• _Work order_
Your task is to copy the stretch of lines in the records below that begins with the line containing "#169=IFCINDEXEDPOLYGONALFACE((29,30,34,33));" and ends with the line containing "#189=IFCINDEXEDPOLYGONALFACE((69,70,72,71));", exactly as written, with nothing added.
START Supplied information
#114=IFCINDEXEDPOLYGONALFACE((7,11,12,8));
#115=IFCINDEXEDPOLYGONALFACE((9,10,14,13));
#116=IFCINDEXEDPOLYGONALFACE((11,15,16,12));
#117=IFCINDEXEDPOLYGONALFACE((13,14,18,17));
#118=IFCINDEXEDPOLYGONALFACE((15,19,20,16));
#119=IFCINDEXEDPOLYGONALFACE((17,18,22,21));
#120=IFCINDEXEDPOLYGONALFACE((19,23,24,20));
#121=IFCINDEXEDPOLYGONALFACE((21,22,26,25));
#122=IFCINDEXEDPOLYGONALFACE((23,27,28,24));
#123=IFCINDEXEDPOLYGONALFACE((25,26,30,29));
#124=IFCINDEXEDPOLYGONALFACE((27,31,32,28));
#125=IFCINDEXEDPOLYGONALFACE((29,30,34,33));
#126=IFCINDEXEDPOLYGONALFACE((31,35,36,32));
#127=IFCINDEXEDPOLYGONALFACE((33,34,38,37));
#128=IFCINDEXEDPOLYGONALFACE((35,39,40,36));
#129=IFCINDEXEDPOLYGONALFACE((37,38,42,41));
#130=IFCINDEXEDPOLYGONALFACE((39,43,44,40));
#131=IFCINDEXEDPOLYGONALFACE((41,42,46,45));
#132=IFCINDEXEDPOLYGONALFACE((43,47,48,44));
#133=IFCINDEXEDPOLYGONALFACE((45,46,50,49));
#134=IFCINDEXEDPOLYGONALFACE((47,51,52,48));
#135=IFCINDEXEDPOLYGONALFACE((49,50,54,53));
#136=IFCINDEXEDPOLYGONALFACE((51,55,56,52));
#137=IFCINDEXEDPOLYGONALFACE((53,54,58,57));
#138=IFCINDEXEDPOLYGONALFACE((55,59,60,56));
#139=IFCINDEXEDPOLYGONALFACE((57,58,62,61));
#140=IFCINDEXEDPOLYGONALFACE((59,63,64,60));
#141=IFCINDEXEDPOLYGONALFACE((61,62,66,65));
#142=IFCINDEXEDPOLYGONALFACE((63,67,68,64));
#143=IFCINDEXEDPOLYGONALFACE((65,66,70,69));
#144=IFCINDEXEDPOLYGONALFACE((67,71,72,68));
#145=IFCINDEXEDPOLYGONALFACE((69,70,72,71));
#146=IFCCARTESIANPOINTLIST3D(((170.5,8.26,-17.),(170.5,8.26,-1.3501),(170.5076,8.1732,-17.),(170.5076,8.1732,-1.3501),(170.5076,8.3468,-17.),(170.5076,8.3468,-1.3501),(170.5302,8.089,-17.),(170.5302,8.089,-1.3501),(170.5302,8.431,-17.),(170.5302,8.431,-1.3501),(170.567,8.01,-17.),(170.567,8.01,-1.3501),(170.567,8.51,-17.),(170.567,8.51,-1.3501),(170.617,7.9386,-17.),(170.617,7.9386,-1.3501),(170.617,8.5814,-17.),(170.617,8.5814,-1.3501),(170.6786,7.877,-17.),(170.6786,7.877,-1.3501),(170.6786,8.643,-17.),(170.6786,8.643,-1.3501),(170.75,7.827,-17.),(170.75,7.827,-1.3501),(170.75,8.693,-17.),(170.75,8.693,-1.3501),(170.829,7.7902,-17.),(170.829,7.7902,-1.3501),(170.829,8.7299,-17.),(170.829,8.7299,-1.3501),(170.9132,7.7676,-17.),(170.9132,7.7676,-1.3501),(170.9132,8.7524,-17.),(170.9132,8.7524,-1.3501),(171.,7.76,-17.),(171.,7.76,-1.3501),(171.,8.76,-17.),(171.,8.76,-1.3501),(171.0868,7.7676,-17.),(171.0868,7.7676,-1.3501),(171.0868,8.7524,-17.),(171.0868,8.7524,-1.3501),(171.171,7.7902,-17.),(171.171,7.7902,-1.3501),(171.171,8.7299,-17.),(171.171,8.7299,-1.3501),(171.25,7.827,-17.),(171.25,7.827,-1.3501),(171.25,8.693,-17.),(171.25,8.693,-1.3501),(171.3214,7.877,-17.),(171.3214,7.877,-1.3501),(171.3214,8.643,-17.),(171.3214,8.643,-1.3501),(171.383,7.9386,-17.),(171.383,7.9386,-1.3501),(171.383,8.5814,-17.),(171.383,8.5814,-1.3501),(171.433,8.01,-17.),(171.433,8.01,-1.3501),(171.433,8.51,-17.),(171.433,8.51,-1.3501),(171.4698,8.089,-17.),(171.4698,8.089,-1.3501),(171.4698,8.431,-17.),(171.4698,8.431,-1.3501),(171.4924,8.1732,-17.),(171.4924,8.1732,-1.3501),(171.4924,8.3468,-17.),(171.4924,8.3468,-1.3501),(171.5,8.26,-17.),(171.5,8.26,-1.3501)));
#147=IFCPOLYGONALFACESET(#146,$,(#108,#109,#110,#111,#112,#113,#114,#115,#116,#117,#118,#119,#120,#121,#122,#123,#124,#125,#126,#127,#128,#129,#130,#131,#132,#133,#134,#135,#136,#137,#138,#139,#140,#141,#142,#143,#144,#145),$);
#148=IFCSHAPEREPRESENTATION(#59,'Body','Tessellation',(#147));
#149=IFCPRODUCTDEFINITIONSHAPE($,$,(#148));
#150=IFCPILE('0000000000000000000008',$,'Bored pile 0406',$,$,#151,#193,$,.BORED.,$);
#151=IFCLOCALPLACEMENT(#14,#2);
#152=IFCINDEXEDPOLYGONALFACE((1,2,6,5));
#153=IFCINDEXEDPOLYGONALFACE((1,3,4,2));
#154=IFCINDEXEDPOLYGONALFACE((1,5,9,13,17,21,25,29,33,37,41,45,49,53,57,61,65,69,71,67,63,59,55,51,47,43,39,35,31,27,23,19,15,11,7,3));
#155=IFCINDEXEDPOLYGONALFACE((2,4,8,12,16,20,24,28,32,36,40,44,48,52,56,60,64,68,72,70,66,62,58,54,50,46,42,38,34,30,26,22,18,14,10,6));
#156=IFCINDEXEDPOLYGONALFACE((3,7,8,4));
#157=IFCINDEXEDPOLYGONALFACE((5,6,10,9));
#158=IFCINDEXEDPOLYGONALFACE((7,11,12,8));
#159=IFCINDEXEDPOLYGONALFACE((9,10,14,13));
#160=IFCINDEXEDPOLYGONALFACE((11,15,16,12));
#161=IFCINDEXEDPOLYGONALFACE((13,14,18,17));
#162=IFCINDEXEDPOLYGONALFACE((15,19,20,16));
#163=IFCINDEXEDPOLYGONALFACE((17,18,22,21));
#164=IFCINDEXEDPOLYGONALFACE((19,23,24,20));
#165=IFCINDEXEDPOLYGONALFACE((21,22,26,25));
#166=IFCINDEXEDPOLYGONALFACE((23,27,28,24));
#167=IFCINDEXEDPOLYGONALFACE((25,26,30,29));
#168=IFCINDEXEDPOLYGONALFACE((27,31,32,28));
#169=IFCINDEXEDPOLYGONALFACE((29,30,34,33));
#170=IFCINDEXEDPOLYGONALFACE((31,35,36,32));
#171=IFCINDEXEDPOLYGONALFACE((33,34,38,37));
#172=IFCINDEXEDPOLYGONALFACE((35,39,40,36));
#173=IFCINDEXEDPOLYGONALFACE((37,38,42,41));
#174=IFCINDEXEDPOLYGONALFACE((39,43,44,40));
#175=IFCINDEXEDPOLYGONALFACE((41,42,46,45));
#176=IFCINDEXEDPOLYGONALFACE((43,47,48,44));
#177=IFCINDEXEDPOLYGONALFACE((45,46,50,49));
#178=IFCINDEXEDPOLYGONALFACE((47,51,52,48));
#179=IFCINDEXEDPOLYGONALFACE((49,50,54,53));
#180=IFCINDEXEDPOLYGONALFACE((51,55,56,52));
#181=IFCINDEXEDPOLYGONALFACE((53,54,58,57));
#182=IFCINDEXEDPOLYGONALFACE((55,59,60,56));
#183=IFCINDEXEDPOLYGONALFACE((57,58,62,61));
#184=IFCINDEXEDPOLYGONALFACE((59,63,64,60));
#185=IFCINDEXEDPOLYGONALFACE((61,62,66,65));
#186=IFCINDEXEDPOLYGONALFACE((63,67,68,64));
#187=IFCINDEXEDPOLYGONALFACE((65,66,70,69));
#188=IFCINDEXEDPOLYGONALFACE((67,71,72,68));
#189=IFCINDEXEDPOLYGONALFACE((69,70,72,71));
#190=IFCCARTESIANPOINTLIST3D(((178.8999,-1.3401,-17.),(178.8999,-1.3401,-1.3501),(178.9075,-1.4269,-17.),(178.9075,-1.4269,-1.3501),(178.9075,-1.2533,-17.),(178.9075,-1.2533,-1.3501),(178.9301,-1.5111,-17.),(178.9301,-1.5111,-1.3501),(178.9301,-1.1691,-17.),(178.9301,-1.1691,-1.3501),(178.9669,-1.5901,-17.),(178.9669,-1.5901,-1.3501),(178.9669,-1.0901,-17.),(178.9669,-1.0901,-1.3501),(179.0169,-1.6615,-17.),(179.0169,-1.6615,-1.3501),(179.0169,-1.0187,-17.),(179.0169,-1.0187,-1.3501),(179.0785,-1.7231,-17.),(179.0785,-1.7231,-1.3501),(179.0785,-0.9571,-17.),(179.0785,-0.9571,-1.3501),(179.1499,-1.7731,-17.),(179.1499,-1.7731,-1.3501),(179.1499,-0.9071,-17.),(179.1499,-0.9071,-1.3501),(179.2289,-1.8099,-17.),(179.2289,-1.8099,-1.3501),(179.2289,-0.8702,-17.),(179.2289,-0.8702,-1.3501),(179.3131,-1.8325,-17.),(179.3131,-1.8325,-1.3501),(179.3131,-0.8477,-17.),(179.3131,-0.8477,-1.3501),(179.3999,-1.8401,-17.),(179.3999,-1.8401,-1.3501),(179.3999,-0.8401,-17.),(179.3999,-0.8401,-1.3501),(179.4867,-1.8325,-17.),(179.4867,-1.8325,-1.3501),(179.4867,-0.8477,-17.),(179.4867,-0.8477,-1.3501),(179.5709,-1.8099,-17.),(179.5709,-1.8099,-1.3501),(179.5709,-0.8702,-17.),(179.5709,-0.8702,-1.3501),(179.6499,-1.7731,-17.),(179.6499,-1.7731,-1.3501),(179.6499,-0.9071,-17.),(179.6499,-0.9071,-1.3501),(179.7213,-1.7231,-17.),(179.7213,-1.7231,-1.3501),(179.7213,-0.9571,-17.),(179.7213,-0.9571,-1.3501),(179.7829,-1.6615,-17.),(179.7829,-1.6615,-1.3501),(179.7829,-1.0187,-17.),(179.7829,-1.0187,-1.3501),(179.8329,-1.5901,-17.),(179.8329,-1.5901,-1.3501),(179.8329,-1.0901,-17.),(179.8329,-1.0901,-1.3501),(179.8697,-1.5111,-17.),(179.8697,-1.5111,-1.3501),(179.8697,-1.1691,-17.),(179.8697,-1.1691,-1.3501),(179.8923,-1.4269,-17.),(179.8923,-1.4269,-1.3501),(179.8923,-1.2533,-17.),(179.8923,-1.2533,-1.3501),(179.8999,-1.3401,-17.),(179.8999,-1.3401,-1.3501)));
END Supplied information
• _Answer to this exercise_
#169=IFCINDEXEDPOLYGONALFACE((29,30,34,33));
#170=IFCINDEXEDPOLYGONALFACE((31,35,36,32));
#171=IFCINDEXEDPOLYGONALFACE((33,34,38,37));
#172=IFCINDEXEDPOLYGONALFACE((35,39,40,36));
#173=IFCINDEXEDPOLYGONALFACE((37,38,42,41));
#174=IFCINDEXEDPOLYGONALFACE((39,43,44,40));
#175=IFCINDEXEDPOLYGONALFACE((41,42,46,45));
#176=IFCINDEXEDPOLYGONALFACE((43,47,48,44));
#177=IFCINDEXEDPOLYGONALFACE((45,46,50,49));
#178=IFCINDEXEDPOLYGONALFACE((47,51,52,48));
#179=IFCINDEXEDPOLYGONALFACE((49,50,54,53));
#180=IFCINDEXEDPOLYGONALFACE((51,55,56,52));
#181=IFCINDEXEDPOLYGONALFACE((53,54,58,57));
#182=IFCINDEXEDPOLYGONALFACE((55,59,60,56));
#183=IFCINDEXEDPOLYGONALFACE((57,58,62,61));
#184=IFCINDEXEDPOLYGONALFACE((59,63,64,60));
#185=IFCINDEXEDPOLYGONALFACE((61,62,66,65));
#186=IFCINDEXEDPOLYGONALFACE((63,67,68,64));
#187=IFCINDEXEDPOLYGONALFACE((65,66,70,69));
#188=IFCINDEXEDPOLYGONALFACE((67,71,72,68));
#189=IFCINDEXEDPOLYGONALFACE((69,70,72,71));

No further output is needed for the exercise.